# Activity:
Where the word "RIBBON" appears in a line below, copy the whole line.

# Listed records:
=== Begin Enclosure ===
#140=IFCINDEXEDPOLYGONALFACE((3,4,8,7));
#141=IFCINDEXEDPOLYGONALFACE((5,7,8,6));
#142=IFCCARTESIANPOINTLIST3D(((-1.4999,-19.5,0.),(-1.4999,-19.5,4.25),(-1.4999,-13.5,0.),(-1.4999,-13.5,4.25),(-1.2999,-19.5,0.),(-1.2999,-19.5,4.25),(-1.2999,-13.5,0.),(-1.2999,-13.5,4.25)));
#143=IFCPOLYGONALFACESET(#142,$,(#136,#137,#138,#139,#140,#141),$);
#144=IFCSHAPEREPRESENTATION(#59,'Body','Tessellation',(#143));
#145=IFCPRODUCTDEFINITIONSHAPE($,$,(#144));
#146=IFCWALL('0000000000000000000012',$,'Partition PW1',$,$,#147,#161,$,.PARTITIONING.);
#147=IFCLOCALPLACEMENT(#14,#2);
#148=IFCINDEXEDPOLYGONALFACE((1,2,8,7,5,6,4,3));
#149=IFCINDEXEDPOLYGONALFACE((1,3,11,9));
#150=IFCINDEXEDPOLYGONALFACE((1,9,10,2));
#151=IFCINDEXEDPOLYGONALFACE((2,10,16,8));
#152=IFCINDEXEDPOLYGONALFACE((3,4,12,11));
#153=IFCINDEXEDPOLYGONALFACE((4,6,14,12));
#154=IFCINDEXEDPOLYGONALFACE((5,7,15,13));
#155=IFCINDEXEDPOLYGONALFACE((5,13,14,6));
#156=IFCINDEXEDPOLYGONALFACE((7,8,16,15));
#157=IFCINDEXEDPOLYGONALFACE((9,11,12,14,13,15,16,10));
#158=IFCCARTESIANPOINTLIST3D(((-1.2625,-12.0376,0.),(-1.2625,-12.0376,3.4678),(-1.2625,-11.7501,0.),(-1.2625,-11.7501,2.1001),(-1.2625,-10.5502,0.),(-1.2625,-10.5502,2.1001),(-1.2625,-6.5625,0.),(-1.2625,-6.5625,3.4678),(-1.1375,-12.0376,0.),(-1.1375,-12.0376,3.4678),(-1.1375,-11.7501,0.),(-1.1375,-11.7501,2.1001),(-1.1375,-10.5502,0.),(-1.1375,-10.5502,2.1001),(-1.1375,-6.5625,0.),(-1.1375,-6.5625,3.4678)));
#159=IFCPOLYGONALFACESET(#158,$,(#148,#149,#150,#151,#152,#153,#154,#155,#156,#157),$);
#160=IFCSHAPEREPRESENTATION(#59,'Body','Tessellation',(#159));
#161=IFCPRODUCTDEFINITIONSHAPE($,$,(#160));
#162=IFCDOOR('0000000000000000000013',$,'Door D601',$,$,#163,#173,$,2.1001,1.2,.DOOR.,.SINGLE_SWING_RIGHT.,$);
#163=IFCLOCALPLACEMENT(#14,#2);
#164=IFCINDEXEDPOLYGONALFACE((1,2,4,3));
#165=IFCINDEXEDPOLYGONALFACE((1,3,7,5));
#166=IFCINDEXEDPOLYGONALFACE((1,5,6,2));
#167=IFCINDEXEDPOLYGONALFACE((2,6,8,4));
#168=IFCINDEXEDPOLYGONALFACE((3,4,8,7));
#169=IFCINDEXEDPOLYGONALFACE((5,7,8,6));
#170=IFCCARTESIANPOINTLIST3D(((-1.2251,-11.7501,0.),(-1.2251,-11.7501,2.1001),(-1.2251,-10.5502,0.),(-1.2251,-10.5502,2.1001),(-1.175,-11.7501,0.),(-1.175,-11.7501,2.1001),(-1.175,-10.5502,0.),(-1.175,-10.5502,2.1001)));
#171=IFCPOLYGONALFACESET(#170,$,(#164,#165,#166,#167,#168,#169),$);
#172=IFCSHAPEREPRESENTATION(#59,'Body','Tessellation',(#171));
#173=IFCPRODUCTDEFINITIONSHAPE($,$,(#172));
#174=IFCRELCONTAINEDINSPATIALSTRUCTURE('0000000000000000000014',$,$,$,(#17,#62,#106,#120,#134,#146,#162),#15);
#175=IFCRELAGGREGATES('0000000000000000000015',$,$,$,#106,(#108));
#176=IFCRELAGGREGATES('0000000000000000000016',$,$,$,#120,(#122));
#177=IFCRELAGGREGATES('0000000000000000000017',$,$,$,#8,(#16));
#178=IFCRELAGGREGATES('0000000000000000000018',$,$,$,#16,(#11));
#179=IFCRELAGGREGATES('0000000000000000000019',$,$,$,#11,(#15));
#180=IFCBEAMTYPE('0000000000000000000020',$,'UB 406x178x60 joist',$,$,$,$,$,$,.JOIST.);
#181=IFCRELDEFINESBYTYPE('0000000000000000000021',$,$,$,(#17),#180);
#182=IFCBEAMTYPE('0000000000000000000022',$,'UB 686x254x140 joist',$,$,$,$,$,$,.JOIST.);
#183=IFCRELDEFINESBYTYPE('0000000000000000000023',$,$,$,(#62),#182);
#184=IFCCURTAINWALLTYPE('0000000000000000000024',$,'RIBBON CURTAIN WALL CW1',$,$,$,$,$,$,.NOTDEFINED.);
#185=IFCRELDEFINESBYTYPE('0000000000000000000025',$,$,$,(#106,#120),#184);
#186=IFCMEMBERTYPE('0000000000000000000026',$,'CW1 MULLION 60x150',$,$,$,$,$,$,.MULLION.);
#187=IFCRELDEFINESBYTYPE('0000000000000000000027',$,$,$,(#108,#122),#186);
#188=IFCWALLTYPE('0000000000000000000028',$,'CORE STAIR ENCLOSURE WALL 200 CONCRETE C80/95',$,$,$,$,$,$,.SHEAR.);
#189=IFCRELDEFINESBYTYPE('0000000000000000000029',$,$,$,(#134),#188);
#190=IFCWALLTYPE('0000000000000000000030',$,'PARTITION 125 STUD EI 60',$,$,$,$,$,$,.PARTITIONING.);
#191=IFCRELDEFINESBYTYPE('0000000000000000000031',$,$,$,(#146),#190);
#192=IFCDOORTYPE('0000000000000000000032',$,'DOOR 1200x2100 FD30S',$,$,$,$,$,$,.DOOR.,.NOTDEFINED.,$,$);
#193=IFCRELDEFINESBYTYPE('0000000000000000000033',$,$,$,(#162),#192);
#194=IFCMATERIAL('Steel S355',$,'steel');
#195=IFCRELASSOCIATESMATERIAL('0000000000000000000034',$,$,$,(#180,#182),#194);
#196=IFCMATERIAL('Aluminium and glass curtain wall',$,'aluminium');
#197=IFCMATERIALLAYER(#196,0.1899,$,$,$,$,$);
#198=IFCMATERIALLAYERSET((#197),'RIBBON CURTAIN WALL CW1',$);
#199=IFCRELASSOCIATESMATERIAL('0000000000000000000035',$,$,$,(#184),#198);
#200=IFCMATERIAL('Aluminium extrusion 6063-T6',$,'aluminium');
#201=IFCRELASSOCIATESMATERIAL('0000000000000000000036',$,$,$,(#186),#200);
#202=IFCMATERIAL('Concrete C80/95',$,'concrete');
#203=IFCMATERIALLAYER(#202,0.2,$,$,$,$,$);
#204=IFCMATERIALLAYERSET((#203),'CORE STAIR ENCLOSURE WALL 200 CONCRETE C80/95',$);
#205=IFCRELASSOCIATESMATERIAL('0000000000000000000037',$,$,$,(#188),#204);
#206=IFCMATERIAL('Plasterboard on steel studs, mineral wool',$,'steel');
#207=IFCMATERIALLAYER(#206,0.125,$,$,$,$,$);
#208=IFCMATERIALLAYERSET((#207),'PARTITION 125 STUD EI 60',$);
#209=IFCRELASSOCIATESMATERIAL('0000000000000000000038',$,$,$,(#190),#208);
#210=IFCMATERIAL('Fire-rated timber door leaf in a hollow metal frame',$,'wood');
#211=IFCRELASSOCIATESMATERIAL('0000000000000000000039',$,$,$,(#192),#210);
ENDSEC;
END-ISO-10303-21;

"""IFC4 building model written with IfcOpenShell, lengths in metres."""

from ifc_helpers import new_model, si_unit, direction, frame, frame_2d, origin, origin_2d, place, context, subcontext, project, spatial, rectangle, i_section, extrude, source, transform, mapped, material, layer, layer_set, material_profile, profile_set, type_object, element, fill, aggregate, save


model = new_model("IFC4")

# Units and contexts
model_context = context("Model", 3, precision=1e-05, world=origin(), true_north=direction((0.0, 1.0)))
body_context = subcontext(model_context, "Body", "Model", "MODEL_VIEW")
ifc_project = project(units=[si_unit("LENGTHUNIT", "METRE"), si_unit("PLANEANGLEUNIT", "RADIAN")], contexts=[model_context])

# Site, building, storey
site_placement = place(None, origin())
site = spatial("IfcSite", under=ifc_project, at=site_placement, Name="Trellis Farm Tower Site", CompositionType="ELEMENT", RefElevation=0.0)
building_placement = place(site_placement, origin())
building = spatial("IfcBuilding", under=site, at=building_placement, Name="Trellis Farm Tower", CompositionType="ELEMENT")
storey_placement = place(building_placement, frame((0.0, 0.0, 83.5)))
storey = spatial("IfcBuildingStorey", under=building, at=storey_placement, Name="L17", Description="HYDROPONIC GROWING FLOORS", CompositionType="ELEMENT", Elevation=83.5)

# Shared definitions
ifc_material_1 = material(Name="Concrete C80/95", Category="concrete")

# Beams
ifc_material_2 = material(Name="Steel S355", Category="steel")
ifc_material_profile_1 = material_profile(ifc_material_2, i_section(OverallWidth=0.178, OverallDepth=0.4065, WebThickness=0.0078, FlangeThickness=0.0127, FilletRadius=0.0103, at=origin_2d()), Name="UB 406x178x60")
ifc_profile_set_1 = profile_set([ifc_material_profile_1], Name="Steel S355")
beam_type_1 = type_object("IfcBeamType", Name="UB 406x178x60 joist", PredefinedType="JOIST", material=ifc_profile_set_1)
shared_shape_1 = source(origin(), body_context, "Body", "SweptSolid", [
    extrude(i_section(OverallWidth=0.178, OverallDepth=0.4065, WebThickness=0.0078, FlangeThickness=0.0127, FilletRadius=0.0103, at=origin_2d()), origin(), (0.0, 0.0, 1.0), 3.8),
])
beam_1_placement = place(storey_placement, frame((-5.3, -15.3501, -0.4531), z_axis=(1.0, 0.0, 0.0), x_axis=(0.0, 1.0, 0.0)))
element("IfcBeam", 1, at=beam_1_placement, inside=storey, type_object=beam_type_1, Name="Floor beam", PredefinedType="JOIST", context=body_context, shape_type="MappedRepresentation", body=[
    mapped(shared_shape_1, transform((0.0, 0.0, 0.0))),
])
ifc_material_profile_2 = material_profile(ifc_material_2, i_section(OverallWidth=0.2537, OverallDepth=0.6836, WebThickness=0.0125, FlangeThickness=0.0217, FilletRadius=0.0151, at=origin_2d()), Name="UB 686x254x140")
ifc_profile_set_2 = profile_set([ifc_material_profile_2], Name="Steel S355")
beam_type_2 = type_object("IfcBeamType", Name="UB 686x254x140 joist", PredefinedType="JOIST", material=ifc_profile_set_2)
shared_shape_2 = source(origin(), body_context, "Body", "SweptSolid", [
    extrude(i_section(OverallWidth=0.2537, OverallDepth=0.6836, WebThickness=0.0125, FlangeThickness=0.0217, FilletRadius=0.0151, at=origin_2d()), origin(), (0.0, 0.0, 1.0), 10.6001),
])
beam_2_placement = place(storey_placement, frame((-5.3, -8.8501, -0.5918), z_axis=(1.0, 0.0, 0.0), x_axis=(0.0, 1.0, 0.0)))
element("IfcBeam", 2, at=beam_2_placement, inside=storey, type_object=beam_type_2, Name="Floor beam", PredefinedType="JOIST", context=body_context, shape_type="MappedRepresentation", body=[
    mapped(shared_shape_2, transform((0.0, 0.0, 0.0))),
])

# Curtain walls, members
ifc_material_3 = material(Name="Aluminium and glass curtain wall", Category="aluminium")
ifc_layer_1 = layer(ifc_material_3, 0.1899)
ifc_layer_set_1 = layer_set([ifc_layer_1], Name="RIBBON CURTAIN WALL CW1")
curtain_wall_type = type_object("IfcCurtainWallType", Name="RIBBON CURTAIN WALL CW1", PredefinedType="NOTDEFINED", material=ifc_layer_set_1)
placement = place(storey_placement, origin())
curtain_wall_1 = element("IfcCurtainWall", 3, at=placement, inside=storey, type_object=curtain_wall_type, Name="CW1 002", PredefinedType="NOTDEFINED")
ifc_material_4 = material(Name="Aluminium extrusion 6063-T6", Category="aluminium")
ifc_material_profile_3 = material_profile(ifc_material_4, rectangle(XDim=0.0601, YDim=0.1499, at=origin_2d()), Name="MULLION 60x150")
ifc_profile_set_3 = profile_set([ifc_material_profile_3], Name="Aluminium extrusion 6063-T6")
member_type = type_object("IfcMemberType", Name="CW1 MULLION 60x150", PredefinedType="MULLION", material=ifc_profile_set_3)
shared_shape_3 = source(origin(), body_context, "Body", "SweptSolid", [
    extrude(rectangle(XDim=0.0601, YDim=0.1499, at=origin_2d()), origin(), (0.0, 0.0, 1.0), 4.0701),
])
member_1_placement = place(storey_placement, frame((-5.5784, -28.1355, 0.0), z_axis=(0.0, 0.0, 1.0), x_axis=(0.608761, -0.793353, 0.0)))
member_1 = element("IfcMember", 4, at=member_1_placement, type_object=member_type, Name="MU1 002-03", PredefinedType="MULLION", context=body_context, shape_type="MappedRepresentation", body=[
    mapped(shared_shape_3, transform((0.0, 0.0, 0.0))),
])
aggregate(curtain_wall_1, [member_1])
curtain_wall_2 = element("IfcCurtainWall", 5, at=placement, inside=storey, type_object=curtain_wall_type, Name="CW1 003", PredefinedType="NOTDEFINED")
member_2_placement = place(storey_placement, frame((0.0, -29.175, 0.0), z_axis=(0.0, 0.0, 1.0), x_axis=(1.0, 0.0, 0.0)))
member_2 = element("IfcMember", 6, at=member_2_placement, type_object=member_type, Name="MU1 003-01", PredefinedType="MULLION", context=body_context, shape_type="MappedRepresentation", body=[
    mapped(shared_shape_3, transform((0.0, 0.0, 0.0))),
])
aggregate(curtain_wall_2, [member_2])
=== End Enclosure ===
# Result of this task:
#184=IFCCURTAINWALLTYPE('0000000000000000000024',$,'RIBBON CURTAIN WALL CW1',$,$,$,$,$,$,.NOTDEFINED.);
#198=IFCMATERIALLAYERSET((#197),'RIBBON CURTAIN WALL CW1',$);
ifc_layer_set_1 = layer_set([ifc_layer_1], Name="RIBBON CURTAIN WALL CW1")
curtain_wall_type = type_object("IfcCurtainWallType", Name="RIBBON CURTAIN WALL CW1", PredefinedType="NOTDEFINED", material=ifc_layer_set_1)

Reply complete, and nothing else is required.